== WHAT IS NEEDED ==
Quote the listing below word for word, stopping after the line that contains "#5=IFCSIUNIT(*,.LENGTHUNIT.,$,.METRE.);".
-------- INPUT DATA --------
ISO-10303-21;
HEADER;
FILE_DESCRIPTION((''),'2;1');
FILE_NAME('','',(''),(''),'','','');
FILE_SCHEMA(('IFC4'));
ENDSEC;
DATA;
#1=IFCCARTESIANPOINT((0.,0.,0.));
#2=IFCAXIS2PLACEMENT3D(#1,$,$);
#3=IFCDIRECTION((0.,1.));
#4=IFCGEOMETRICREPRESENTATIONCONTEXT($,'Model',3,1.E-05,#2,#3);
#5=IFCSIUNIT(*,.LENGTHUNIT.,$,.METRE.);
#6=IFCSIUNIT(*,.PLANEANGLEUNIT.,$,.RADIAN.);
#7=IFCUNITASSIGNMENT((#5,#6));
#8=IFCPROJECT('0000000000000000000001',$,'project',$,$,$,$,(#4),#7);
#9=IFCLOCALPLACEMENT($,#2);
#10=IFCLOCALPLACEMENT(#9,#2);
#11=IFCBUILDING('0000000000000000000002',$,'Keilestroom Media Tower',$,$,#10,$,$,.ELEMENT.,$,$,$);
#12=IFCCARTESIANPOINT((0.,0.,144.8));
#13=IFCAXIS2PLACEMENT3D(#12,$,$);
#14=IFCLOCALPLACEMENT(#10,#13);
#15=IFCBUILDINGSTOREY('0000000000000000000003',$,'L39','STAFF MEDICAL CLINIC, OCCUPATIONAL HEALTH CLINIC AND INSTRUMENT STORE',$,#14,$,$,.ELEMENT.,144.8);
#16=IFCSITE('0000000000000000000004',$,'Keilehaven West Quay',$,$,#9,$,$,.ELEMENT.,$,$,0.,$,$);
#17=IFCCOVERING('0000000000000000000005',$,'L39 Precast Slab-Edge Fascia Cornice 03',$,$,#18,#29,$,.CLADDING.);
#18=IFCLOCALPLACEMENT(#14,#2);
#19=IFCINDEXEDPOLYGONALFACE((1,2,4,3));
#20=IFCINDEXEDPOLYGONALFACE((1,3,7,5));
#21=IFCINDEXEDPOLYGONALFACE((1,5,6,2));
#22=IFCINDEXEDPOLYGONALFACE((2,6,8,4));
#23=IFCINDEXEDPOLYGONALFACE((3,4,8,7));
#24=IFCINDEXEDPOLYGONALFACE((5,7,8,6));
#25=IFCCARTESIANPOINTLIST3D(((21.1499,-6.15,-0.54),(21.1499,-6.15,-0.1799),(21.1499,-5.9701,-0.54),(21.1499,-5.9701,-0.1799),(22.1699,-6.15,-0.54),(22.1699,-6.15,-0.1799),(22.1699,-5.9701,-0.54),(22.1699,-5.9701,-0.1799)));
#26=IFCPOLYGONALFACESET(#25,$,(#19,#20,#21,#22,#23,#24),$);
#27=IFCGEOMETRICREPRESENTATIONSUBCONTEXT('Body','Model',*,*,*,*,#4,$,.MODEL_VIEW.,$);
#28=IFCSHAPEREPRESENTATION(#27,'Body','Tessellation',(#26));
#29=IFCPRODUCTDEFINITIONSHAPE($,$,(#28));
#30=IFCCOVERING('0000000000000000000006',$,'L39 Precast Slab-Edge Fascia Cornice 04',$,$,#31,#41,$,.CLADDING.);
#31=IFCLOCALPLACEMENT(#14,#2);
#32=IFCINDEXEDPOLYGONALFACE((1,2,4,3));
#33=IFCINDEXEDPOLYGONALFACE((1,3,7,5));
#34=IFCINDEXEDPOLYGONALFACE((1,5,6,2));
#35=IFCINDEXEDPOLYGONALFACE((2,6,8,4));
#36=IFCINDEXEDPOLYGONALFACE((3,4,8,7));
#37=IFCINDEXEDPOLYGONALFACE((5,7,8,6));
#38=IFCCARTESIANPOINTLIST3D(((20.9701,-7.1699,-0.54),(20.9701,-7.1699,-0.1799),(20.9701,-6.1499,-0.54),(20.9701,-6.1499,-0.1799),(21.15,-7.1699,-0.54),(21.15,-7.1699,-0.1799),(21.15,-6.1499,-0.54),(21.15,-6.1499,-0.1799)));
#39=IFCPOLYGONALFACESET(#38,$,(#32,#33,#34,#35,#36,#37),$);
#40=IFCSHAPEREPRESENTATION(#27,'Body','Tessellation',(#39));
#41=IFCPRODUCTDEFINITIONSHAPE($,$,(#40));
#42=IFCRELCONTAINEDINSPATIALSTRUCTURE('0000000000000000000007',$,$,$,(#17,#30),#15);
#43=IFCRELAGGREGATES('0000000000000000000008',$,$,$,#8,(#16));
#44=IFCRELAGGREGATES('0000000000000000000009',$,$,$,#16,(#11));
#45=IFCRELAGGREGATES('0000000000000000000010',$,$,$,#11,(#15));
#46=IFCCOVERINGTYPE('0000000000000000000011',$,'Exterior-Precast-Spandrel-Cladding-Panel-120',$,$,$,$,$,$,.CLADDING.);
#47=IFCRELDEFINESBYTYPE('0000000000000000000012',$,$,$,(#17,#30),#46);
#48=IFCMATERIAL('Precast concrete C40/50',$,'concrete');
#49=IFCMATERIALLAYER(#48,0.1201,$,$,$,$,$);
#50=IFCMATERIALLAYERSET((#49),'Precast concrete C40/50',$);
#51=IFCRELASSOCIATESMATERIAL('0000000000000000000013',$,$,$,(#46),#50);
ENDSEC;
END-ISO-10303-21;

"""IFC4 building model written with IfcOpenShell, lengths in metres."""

from ifc_helpers import new_model, si_unit, direction, frame, origin, origin_2d, place, context, subcontext, project, spatial, rectangle, extrude, source, transform, mapped, material, layer, layer_set, type_object, element, save


model = new_model("IFC4")

# Units and contexts
model_context = context("Model", 3, precision=1e-05, world=origin(), true_north=direction((0.0, 1.0)))
body_context = subcontext(model_context, "Body", "Model", "MODEL_VIEW")
ifc_project = project(units=[si_unit("LENGTHUNIT", "METRE"), si_unit("PLANEANGLEUNIT", "RADIAN")], contexts=[model_context])

# Site, building, storey
site_placement = place(None, origin())
site = spatial("IfcSite", under=ifc_project, at=site_placement, Name="Keilehaven West Quay", CompositionType="ELEMENT", RefElevation=0.0)
building_placement = place(site_placement, origin())
building = spatial("IfcBuilding", under=site, at=building_placement, Name="Keilestroom Media Tower", CompositionType="ELEMENT")
storey_placement = place(building_placement, frame((0.0, 0.0, 144.8)))
storey = spatial("IfcBuildingStorey", under=building, at=storey_placement, Name="L39", Description="STAFF MEDICAL CLINIC, OCCUPATIONAL HEALTH CLINIC AND INSTRUMENT STORE", CompositionType="ELEMENT", Elevation=144.8)

# Shared definitions
ifc_material_1 = material(Name="Precast concrete C40/50", Category="concrete")

# Coverings
ifc_layer_1 = layer(ifc_material_1, 0.1201)
ifc_layer_set_1 = layer_set([ifc_layer_1], Name="Precast concrete C40/50")
covering_type = type_object("IfcCoveringType", Name="Exterior-Precast-Spandrel-Cladding-Panel-120", PredefinedType="CLADDING", material=ifc_layer_set_1)
shared_shape_1 = source(origin(), body_context, "Body", "SweptSolid", [
    extrude(rectangle(XDim=1.02, YDim=0.1799, at=origin_2d()), origin(), (0.0, 0.0, 1.0), 0.3601),
])
for number, where, z_axis, x_axis, name in (
    (1, (21.6599, -6.0601, -0.54), (0.0, 0.0, 1.0), (-1.0, 0.0, 0.0), "L39 Precast Slab-Edge Fascia Cornice 03"),
    (2, (21.0601, -6.6599, -0.54), (0.0, 0.0, 1.0), (0.0, -1.0, 0.0), "L39 Precast Slab-Edge Fascia Cornice 04"),
):
    element("IfcCovering", number, at=place(storey_placement, frame(where, z_axis=z_axis, x_axis=x_axis)), inside=storey, type_object=covering_type, Name=name, PredefinedType="CLADDING", context=body_context, shape_type="MappedRepresentation", body=[
        mapped(shared_shape_1, transform((0.0, 0.0, 0.0), x_axis=(1.0, 0.0, 0.0), y_axis=(0.0, 1.0, 0.0), z_axis=(0.0, 0.0, 1.0), scale=1.0)),
    ])

save(model, "model.ifc")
--------
== EXERCISE OUTPUT ==
ISO-10303-21;
HEADER;
FILE_DESCRIPTION((''),'2;1');
FILE_NAME('','',(''),(''),'','','');
FILE_SCHEMA(('IFC4'));
ENDSEC;
DATA;
#1=IFCCARTESIANPOINT((0.,0.,0.));
#2=IFCAXIS2PLACEMENT3D(#1,$,$);
#3=IFCDIRECTION((0.,1.));
#4=IFCGEOMETRICREPRESENTATIONCONTEXT($,'Model',3,1.E-05,#2,#3);
#5=IFCSIUNIT(*,.LENGTHUNIT.,$,.METRE.);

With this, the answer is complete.